▸ **What the task asks**:
Using the records below, quote only the span that opens with the line containing "#134=IFCINDEXEDPOLYGONALFACE((25,29,30,26));" and closes with the line containing "#146=IFCPRODUCTDEFINITIONSHAPE($,$,(#145));", exactly and inclusively.

▸ **Dataset entries**:

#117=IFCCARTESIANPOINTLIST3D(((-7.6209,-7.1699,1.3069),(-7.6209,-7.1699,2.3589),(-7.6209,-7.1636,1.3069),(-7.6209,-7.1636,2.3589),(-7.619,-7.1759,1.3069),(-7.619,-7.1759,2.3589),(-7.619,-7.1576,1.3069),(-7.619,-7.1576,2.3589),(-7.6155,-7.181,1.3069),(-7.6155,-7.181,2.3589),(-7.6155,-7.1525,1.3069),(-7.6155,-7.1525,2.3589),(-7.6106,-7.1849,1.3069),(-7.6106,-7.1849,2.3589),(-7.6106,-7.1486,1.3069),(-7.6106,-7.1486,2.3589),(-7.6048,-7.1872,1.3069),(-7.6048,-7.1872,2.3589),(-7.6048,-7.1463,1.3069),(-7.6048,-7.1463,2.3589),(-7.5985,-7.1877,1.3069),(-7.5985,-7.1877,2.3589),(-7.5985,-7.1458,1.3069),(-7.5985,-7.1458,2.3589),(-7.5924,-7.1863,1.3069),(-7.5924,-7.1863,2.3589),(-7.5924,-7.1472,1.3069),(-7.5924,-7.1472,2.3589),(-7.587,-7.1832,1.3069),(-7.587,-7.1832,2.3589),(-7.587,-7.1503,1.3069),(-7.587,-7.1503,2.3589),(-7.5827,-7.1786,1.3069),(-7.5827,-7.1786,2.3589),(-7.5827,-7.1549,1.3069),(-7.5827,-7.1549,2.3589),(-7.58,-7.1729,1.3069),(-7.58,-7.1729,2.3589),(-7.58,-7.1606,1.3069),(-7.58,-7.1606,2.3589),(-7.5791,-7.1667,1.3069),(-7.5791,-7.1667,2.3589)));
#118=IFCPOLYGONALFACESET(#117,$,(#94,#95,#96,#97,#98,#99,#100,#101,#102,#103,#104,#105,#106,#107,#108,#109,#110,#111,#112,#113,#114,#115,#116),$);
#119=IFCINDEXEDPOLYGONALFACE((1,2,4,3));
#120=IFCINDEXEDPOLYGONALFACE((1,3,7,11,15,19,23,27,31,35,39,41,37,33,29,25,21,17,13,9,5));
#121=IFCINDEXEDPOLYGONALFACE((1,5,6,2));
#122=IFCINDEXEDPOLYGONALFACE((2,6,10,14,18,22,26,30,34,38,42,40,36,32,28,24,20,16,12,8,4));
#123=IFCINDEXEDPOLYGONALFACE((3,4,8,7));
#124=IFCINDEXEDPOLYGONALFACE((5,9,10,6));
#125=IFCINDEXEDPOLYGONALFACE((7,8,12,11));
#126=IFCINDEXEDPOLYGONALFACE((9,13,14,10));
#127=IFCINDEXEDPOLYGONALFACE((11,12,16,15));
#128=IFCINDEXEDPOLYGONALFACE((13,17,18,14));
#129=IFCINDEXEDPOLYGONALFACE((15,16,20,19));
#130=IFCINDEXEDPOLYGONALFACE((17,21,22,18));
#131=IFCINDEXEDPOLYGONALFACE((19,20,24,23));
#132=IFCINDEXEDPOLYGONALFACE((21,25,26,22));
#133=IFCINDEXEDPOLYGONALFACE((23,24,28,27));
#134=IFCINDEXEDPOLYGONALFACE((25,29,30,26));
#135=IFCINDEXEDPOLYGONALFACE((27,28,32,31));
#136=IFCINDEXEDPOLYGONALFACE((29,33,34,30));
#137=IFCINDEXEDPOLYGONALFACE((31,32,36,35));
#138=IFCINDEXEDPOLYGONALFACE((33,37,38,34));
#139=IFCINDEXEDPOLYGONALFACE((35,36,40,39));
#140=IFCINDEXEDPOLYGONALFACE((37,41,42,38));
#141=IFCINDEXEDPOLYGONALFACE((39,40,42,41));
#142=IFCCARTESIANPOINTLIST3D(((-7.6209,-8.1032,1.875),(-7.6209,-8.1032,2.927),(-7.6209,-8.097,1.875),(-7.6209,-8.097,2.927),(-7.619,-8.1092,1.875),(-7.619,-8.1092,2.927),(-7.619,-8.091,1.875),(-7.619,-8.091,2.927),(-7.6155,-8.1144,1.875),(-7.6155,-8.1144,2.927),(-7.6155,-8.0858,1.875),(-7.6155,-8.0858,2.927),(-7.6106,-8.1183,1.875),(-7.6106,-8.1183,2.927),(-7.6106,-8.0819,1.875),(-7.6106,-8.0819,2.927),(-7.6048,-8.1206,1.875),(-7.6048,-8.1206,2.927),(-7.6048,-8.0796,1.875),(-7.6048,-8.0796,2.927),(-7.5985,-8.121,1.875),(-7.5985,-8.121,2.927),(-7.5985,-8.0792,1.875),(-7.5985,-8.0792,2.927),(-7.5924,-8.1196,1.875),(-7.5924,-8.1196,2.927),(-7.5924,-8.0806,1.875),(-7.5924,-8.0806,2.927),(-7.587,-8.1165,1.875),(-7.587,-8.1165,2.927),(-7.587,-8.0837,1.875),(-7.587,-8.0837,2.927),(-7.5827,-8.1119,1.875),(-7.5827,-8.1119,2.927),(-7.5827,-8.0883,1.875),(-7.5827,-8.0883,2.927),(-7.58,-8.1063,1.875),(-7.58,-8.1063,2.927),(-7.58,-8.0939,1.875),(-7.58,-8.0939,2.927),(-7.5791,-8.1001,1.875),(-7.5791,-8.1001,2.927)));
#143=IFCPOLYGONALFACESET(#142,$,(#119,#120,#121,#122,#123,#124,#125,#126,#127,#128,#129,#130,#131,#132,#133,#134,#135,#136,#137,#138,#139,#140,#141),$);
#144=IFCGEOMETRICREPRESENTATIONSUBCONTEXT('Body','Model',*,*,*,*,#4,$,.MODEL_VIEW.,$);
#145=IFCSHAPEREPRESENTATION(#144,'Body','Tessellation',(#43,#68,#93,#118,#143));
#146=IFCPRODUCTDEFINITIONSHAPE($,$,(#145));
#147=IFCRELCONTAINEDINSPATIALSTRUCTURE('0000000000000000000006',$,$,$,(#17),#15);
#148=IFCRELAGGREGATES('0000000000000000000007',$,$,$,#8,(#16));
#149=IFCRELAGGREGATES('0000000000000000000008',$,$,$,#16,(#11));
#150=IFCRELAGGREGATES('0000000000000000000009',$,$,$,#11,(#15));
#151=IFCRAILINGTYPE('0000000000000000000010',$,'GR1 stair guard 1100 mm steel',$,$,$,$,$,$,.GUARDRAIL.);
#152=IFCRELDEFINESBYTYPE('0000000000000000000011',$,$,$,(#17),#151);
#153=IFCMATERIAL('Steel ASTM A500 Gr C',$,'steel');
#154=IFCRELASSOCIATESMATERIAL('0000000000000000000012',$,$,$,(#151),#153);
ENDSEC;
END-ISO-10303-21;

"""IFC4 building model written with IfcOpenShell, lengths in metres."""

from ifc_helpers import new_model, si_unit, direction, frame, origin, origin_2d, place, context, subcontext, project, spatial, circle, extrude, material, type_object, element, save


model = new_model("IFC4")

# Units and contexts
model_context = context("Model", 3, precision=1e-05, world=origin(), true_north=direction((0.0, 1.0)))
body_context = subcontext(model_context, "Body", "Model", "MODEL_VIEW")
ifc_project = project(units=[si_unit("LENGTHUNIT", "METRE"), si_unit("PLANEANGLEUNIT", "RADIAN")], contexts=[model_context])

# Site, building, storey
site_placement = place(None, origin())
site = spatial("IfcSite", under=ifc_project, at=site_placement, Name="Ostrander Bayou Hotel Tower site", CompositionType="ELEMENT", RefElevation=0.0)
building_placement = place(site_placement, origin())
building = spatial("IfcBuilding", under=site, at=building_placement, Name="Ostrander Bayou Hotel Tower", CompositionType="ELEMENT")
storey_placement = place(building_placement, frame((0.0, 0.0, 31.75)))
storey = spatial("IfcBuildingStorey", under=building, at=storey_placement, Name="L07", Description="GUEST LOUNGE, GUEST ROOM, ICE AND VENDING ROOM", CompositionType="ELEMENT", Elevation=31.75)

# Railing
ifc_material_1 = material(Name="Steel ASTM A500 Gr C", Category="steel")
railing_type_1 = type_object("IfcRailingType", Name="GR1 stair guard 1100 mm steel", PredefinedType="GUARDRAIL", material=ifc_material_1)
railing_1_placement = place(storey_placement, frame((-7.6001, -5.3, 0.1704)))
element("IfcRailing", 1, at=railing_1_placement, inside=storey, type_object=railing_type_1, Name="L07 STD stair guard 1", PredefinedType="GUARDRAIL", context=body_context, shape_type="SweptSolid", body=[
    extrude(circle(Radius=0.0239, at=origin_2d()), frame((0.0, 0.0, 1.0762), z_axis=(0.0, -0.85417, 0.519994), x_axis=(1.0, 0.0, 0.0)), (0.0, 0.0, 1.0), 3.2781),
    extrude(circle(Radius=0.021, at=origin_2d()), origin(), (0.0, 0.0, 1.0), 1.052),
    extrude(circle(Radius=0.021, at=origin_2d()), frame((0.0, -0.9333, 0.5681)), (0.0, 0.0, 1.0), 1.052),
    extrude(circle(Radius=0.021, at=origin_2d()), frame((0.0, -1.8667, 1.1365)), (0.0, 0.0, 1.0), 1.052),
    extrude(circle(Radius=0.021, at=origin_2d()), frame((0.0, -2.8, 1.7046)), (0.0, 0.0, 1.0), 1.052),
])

▸ **Task response**:
#134=IFCINDEXEDPOLYGONALFACE((25,29,30,26));
#135=IFCINDEXEDPOLYGONALFACE((27,28,32,31));
#136=IFCINDEXEDPOLYGONALFACE((29,33,34,30));
#137=IFCINDEXEDPOLYGONALFACE((31,32,36,35));
#138=IFCINDEXEDPOLYGONALFACE((33,37,38,34));
#139=IFCINDEXEDPOLYGONALFACE((35,36,40,39));
#140=IFCINDEXEDPOLYGONALFACE((37,41,42,38));
#141=IFCINDEXEDPOLYGONALFACE((39,40,42,41));
#142=IFCCARTESIANPOINTLIST3D(((-7.6209,-8.1032,1.875),(-7.6209,-8.1032,2.927),(-7.6209,-8.097,1.875),(-7.6209,-8.097,2.927),(-7.619,-8.1092,1.875),(-7.619,-8.1092,2.927),(-7.619,-8.091,1.875),(-7.619,-8.091,2.927),(-7.6155,-8.1144,1.875),(-7.6155,-8.1144,2.927),(-7.6155,-8.0858,1.875),(-7.6155,-8.0858,2.927),(-7.6106,-8.1183,1.875),(-7.6106,-8.1183,2.927),(-7.6106,-8.0819,1.875),(-7.6106,-8.0819,2.927),(-7.6048,-8.1206,1.875),(-7.6048,-8.1206,2.927),(-7.6048,-8.0796,1.875),(-7.6048,-8.0796,2.927),(-7.5985,-8.121,1.875),(-7.5985,-8.121,2.927),(-7.5985,-8.0792,1.875),(-7.5985,-8.0792,2.927),(-7.5924,-8.1196,1.875),(-7.5924,-8.1196,2.927),(-7.5924,-8.0806,1.875),(-7.5924,-8.0806,2.927),(-7.587,-8.1165,1.875),(-7.587,-8.1165,2.927),(-7.587,-8.0837,1.875),(-7.587,-8.0837,2.927),(-7.5827,-8.1119,1.875),(-7.5827,-8.1119,2.927),(-7.5827,-8.0883,1.875),(-7.5827,-8.0883,2.927),(-7.58,-8.1063,1.875),(-7.58,-8.1063,2.927),(-7.58,-8.0939,1.875),(-7.58,-8.0939,2.927),(-7.5791,-8.1001,1.875),(-7.5791,-8.1001,2.927)));
#143=IFCPOLYGONALFACESET(#142,$,(#119,#120,#121,#122,#123,#124,#125,#126,#127,#128,#129,#130,#131,#132,#133,#134,#135,#136,#137,#138,#139,#140,#141),$);
#144=IFCGEOMETRICREPRESENTATIONSUBCONTEXT('Body','Model',*,*,*,*,#4,$,.MODEL_VIEW.,$);
#145=IFCSHAPEREPRESENTATION(#144,'Body','Tessellation',(#43,#68,#93,#118,#143));
#146=IFCPRODUCTDEFINITIONSHAPE($,$,(#145));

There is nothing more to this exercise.